- _REQUIRED ACTION_: Copy each line below in which the word "IFCRELAGGREGATES" occurs.

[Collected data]
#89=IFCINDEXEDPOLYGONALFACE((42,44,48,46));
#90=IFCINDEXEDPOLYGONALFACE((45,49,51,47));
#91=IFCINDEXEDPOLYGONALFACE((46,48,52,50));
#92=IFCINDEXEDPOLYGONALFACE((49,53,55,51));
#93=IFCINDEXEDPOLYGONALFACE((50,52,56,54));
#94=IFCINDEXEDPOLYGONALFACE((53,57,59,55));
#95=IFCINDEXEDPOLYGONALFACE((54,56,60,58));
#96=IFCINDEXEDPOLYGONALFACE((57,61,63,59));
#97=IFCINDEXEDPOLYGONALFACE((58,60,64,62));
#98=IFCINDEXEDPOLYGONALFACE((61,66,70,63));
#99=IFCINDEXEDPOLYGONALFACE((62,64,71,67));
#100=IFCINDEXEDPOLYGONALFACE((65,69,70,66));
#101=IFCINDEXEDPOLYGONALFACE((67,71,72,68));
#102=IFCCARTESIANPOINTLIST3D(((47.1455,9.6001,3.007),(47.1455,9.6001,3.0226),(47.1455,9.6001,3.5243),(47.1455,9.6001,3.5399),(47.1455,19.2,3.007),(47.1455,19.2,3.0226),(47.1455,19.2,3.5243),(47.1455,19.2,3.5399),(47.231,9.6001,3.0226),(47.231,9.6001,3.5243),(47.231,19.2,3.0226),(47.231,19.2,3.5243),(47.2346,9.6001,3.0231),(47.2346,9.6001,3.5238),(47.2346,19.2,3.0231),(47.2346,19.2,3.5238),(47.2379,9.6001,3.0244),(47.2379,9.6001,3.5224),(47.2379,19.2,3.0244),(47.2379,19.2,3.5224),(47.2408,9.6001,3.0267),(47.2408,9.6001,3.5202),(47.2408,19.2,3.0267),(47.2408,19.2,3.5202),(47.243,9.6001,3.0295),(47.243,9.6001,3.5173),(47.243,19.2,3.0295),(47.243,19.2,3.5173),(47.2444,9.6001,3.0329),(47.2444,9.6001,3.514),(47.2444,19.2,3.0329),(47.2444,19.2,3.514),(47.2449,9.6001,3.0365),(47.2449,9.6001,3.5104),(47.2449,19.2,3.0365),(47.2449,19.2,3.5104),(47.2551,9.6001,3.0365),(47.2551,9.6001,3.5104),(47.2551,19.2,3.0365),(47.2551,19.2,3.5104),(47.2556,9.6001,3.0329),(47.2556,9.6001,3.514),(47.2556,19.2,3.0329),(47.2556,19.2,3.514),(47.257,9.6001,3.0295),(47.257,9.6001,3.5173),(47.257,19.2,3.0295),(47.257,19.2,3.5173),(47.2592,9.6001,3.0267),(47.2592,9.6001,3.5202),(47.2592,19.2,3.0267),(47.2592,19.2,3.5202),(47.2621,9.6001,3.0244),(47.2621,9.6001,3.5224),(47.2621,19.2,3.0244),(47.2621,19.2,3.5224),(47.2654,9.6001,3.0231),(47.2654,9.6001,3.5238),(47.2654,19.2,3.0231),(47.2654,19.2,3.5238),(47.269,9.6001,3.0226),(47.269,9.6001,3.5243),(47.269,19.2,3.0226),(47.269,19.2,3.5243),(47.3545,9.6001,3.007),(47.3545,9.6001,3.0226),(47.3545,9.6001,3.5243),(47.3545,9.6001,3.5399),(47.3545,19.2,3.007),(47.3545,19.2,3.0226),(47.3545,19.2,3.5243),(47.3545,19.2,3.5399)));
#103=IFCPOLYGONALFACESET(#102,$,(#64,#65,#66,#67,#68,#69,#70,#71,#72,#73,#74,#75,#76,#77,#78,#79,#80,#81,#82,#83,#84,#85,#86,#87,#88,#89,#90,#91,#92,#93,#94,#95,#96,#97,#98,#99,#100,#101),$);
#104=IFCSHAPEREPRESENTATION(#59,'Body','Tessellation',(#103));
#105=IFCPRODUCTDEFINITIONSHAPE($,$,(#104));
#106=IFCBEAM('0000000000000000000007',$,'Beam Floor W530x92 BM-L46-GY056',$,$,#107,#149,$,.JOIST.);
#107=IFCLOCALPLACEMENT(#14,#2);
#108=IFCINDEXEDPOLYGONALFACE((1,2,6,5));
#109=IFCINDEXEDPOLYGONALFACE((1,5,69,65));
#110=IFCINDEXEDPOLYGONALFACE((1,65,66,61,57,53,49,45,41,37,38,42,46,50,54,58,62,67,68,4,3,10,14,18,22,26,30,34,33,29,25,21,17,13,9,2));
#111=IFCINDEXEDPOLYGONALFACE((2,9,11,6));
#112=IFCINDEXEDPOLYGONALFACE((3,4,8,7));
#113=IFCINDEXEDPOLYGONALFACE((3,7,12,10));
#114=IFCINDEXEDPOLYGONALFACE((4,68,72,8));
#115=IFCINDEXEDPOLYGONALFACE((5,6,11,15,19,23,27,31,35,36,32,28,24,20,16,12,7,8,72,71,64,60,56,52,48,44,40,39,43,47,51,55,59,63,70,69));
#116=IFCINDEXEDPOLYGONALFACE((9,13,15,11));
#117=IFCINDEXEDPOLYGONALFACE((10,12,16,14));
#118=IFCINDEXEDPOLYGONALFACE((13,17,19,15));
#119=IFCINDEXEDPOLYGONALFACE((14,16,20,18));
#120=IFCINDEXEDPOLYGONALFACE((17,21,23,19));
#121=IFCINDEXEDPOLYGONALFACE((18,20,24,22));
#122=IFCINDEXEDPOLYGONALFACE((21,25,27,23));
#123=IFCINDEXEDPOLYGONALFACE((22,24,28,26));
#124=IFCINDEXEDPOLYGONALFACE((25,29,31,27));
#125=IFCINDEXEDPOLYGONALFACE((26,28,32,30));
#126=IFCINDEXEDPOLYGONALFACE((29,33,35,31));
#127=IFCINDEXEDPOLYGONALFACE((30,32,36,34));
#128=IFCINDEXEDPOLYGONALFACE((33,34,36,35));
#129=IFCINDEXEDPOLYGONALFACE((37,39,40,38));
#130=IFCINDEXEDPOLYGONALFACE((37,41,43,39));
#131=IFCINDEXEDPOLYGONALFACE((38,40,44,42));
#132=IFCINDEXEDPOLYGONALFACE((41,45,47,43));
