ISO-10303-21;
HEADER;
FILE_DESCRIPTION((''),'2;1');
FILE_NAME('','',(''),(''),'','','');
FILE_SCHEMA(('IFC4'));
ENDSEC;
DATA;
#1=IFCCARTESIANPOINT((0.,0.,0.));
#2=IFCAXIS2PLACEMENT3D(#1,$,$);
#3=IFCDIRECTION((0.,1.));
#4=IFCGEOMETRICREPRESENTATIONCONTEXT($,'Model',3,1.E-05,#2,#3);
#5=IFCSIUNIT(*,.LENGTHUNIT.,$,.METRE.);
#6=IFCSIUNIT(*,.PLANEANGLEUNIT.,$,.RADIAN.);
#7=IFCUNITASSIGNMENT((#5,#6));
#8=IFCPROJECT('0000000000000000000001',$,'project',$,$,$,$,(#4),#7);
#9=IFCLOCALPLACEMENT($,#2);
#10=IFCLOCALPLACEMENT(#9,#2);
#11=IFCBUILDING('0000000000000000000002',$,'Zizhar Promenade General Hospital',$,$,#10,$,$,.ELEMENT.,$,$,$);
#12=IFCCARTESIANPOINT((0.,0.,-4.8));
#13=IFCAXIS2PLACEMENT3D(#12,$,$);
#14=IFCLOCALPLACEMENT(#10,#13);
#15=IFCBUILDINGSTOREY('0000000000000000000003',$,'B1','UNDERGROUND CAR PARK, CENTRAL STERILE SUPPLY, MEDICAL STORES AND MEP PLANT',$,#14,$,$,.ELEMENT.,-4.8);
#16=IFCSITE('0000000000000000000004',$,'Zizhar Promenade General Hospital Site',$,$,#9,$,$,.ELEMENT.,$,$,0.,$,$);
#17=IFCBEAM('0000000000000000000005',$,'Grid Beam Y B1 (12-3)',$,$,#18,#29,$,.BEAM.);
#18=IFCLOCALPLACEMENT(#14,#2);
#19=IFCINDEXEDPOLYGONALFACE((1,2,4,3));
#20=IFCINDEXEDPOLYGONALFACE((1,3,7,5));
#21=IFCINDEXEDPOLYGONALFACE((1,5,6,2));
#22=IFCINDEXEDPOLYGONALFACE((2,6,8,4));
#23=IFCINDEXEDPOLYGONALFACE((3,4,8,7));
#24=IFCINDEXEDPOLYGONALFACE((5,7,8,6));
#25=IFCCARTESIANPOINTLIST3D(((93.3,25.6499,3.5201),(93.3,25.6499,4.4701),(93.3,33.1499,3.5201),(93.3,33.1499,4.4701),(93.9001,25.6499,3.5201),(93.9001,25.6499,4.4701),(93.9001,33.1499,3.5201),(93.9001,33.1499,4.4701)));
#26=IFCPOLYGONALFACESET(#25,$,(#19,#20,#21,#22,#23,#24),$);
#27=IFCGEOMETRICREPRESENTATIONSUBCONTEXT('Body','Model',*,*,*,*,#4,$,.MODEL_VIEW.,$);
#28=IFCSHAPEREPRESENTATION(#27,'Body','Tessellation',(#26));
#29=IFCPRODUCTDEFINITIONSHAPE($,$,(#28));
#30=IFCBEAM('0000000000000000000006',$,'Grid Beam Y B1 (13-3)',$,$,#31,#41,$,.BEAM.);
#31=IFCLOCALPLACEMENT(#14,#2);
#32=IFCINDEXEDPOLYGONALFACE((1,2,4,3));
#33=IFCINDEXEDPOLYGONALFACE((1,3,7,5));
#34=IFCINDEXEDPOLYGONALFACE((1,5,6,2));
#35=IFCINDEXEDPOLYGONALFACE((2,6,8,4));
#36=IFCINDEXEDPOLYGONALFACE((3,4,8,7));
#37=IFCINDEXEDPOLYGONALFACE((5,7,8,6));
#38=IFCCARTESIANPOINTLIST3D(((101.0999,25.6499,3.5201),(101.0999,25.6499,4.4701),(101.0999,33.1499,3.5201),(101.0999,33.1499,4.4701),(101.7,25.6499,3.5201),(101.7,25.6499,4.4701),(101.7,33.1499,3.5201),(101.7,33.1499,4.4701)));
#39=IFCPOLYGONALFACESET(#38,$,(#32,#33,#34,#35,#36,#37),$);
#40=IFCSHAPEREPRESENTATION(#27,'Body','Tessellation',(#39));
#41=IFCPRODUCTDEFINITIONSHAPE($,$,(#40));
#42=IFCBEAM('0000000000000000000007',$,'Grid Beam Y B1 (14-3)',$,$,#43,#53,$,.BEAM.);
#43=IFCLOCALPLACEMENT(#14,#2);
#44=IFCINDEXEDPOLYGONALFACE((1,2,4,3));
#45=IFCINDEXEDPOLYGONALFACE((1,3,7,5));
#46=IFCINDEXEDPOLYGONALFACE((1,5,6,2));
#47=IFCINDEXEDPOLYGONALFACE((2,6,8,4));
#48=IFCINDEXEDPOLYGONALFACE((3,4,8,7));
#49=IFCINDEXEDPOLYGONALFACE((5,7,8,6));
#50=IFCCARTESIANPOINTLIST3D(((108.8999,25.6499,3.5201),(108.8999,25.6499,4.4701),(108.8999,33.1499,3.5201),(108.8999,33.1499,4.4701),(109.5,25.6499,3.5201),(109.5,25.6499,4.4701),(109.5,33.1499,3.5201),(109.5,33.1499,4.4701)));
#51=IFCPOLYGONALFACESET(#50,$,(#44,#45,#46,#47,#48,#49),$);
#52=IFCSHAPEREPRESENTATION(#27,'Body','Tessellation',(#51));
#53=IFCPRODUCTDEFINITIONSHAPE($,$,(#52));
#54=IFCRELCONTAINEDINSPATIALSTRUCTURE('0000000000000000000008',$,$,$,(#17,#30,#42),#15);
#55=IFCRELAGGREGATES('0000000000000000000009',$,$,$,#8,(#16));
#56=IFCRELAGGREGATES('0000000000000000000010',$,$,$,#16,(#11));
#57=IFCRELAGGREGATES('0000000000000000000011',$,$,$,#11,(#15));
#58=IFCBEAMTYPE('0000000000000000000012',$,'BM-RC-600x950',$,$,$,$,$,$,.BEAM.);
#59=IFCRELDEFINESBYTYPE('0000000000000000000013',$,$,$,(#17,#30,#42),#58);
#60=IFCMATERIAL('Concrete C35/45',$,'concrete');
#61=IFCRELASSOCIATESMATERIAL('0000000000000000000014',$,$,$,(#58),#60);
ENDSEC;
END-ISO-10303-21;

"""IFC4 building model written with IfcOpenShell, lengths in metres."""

from ifc_helpers import new_model, si_unit, direction, frame, origin, origin_2d, place, context, subcontext, project, spatial, rectangle, extrude, material, material_profile, profile_set, type_object, element, save


model = new_model("IFC4")

# Units and contexts
model_context = context("Model", 3, precision=1e-05, world=origin(), true_north=direction((0.0, 1.0)))
body_context = subcontext(model_context, "Body", "Model", "MODEL_VIEW")
ifc_project = project(units=[si_unit("LENGTHUNIT", "METRE"), si_unit("PLANEANGLEUNIT", "RADIAN")], contexts=[model_context])

# Site, building, storey
site_placement = place(None, origin())
site = spatial("IfcSite", under=ifc_project, at=site_placement, Name="Zizhar Promenade General Hospital Site", CompositionType="ELEMENT", RefElevation=0.0)
building_placement = place(site_placement, origin())
building = spatial("IfcBuilding", under=site, at=building_placement, Name="Zizhar Promenade General Hospital", CompositionType="ELEMENT")
storey_placement = place(building_placement, frame((0.0, 0.0, -4.8)))
storey = spatial("IfcBuildingStorey", under=building, at=storey_placement, Name="B1", Description="UNDERGROUND CAR PARK, CENTRAL STERILE SUPPLY, MEDICAL STORES AND MEP PLANT", CompositionType="ELEMENT", Elevation=-4.8)

# Beams
ifc_material_1 = material(Name="Concrete C35/45", Category="concrete")
ifc_material_profile_1 = material_profile(ifc_material_1, rectangle(XDim=0.6001, YDim=0.95, at=origin_2d()))
ifc_profile_set_1 = profile_set([ifc_material_profile_1], Name="Concrete C35/45")
beam_type_1 = type_object("IfcBeamType", Name="BM-RC-600x950", PredefinedType="BEAM", material=ifc_profile_set_1)
for number, where, z_axis, x_axis, name in (
    (1, (93.6001, 25.6499, 3.9951), (0.0, 1.0, 0.0), (-1.0, 0.0, 0.0), "Grid Beam Y B1 (12-3)"),
    (2, (101.3999, 25.6499, 3.9951), (0.0, 1.0, 0.0), (-1.0, 0.0, 0.0), "Grid Beam Y B1 (13-3)"),
    (3, (109.2, 25.6499, 3.9951), (0.0, 1.0, 0.0), (-1.0, 0.0, 0.0), "Grid Beam Y B1 (14-3)"),
):
    element("IfcBeam", number, at=place(storey_placement, frame(where, z_axis=z_axis, x_axis=x_axis)), inside=storey, type_object=beam_type_1, Name=name, PredefinedType="BEAM", context=body_context, shape_type="SweptSolid", body=[
        extrude(rectangle(XDim=0.6001, YDim=0.95, at=origin_2d()), origin(), (0.0, 0.0, 1.0), 7.5),
    ])

save(model, "model.ifc")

- _OUTPUT BELOW_:
#55=IFCRELAGGREGATES('0000000000000000000009',$,$,$,#8,(#16));
#56=IFCRELAGGREGATES('0000000000000000000010',$,$,$,#16,(#11));
#57=IFCRELAGGREGATES('0000000000000000000011',$,$,$,#11,(#15));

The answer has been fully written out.